● **WHAT THIS TASK INVOLVES**
Beginning with the first line of the data below, extract each line up to and including the one containing "#171=IFCINDEXEDPOLYGONALFACE((2,6,8,4));". Copy them exactly and add nothing.

● **DATA EXTRACT**

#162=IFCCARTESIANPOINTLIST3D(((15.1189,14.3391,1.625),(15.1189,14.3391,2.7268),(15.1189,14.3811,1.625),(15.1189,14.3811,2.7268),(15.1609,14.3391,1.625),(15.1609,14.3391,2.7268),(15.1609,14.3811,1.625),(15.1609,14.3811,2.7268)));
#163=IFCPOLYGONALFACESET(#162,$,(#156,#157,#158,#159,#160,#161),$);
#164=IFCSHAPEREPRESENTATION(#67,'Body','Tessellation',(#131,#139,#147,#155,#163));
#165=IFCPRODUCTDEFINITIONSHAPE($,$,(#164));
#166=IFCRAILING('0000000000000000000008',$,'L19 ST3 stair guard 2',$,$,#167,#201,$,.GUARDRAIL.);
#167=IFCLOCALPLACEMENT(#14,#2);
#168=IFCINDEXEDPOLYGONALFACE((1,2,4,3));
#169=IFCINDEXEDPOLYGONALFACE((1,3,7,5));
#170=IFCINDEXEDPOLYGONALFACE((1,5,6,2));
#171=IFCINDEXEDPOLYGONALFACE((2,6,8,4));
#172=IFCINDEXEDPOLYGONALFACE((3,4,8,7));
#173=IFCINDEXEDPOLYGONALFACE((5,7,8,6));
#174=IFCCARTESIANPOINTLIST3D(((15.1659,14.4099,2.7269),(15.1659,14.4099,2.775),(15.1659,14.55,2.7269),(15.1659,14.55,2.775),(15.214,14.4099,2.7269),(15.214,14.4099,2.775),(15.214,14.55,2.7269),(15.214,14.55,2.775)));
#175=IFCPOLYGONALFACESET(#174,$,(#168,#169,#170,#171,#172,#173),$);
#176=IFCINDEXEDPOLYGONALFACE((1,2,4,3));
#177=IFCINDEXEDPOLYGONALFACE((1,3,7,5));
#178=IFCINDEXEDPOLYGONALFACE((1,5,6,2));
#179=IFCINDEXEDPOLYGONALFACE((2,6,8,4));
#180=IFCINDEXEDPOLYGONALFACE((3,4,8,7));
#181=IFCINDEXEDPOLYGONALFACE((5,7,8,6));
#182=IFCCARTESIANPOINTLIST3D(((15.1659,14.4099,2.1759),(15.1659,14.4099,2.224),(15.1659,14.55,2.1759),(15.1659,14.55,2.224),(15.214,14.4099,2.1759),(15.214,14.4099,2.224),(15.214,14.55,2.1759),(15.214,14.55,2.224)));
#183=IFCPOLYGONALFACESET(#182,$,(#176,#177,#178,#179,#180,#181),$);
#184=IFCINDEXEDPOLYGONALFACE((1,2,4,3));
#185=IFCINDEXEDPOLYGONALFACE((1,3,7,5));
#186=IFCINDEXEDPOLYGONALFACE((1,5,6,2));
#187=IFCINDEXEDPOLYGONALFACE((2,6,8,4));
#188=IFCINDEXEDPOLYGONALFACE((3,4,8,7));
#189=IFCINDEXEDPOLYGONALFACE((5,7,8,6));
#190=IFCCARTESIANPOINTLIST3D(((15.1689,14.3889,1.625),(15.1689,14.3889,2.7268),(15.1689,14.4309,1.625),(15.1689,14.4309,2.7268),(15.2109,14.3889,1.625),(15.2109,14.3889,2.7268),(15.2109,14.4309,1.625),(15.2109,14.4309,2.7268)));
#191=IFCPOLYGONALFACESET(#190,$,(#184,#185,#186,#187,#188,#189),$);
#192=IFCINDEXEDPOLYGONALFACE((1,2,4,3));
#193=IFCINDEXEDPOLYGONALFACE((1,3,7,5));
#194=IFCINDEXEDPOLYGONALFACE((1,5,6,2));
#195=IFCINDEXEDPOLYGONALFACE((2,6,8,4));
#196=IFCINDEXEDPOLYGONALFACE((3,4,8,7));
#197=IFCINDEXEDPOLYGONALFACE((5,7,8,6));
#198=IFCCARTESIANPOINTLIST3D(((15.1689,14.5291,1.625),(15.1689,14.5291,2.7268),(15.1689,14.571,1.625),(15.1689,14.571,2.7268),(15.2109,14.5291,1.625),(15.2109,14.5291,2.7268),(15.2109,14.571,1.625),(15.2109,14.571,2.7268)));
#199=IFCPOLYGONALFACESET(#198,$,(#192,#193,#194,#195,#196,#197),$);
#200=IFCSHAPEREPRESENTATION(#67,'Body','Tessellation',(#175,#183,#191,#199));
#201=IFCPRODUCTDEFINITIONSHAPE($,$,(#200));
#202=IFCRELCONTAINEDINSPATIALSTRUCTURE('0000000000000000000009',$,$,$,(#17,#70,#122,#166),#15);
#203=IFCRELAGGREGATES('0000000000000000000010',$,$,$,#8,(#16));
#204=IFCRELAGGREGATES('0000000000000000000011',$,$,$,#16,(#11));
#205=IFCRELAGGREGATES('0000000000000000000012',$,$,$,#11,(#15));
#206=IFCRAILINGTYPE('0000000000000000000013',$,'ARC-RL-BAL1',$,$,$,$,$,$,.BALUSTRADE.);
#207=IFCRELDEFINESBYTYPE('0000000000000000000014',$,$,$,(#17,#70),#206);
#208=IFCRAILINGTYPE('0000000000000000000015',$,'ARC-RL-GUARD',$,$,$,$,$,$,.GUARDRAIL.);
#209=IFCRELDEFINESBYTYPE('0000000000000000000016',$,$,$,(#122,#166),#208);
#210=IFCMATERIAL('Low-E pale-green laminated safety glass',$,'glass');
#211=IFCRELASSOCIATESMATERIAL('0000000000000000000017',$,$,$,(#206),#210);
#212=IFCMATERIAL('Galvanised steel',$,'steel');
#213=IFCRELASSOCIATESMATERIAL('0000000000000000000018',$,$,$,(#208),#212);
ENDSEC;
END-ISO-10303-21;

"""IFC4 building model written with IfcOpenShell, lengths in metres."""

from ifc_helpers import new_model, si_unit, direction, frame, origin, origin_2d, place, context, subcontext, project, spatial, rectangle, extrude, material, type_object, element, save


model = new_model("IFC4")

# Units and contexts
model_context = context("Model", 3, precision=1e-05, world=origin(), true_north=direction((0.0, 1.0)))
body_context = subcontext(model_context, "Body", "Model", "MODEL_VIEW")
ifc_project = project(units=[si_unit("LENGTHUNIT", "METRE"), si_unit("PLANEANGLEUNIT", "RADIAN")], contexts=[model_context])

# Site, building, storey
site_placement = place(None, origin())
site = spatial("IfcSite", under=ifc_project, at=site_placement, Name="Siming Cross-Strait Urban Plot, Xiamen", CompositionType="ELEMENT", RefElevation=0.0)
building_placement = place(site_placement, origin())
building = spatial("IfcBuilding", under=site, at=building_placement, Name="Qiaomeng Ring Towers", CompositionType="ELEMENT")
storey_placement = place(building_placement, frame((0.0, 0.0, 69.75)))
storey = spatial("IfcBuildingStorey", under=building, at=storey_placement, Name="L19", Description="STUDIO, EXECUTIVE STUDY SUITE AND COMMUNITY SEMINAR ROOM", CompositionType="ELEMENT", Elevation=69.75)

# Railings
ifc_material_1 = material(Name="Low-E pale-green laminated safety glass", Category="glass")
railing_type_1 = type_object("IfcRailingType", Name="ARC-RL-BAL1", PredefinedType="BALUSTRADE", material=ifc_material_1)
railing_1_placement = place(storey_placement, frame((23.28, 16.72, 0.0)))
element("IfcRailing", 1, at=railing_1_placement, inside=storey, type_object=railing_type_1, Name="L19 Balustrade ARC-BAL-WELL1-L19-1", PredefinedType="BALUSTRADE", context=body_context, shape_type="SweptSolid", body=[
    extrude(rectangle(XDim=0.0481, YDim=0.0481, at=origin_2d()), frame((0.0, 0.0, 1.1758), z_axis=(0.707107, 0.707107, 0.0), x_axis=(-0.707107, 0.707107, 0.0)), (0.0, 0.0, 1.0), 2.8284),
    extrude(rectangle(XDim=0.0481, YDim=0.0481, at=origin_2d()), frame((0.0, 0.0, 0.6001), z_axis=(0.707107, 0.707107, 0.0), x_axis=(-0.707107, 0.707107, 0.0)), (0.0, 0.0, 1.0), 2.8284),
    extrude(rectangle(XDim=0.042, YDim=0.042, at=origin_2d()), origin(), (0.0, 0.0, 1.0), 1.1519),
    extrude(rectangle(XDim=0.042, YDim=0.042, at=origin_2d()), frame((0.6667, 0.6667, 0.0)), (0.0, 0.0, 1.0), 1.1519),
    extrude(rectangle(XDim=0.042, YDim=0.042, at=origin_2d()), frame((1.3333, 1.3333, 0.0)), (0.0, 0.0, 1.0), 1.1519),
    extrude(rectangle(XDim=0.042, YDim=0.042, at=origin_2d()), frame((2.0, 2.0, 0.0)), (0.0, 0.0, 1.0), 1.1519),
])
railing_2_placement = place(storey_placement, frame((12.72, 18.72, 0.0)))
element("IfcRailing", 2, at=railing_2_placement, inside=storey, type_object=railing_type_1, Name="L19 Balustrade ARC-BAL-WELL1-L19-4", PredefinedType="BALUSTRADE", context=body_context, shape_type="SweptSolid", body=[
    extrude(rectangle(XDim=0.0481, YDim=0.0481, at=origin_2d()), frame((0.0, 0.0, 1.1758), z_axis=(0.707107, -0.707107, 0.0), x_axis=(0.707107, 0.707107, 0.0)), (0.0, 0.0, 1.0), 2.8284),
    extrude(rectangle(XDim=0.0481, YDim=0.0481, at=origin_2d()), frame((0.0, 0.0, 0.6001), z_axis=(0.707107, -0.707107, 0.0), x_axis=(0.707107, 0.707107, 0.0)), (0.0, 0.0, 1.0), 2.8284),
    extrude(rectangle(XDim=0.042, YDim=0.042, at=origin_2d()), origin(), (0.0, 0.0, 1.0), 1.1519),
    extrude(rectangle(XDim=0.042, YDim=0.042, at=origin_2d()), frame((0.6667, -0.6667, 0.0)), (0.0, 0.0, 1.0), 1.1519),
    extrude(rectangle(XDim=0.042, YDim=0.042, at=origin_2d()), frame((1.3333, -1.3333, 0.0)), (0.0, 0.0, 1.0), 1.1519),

● **RESULT**
#162=IFCCARTESIANPOINTLIST3D(((15.1189,14.3391,1.625),(15.1189,14.3391,2.7268),(15.1189,14.3811,1.625),(15.1189,14.3811,2.7268),(15.1609,14.3391,1.625),(15.1609,14.3391,2.7268),(15.1609,14.3811,1.625),(15.1609,14.3811,2.7268)));
#163=IFCPOLYGONALFACESET(#162,$,(#156,#157,#158,#159,#160,#161),$);
#164=IFCSHAPEREPRESENTATION(#67,'Body','Tessellation',(#131,#139,#147,#155,#163));
#165=IFCPRODUCTDEFINITIONSHAPE($,$,(#164));
#166=IFCRAILING('0000000000000000000008',$,'L19 ST3 stair guard 2',$,$,#167,#201,$,.GUARDRAIL.);
#167=IFCLOCALPLACEMENT(#14,#2);
#168=IFCINDEXEDPOLYGONALFACE((1,2,4,3));
#169=IFCINDEXEDPOLYGONALFACE((1,3,7,5));
#170=IFCINDEXEDPOLYGONALFACE((1,5,6,2));
#171=IFCINDEXEDPOLYGONALFACE((2,6,8,4));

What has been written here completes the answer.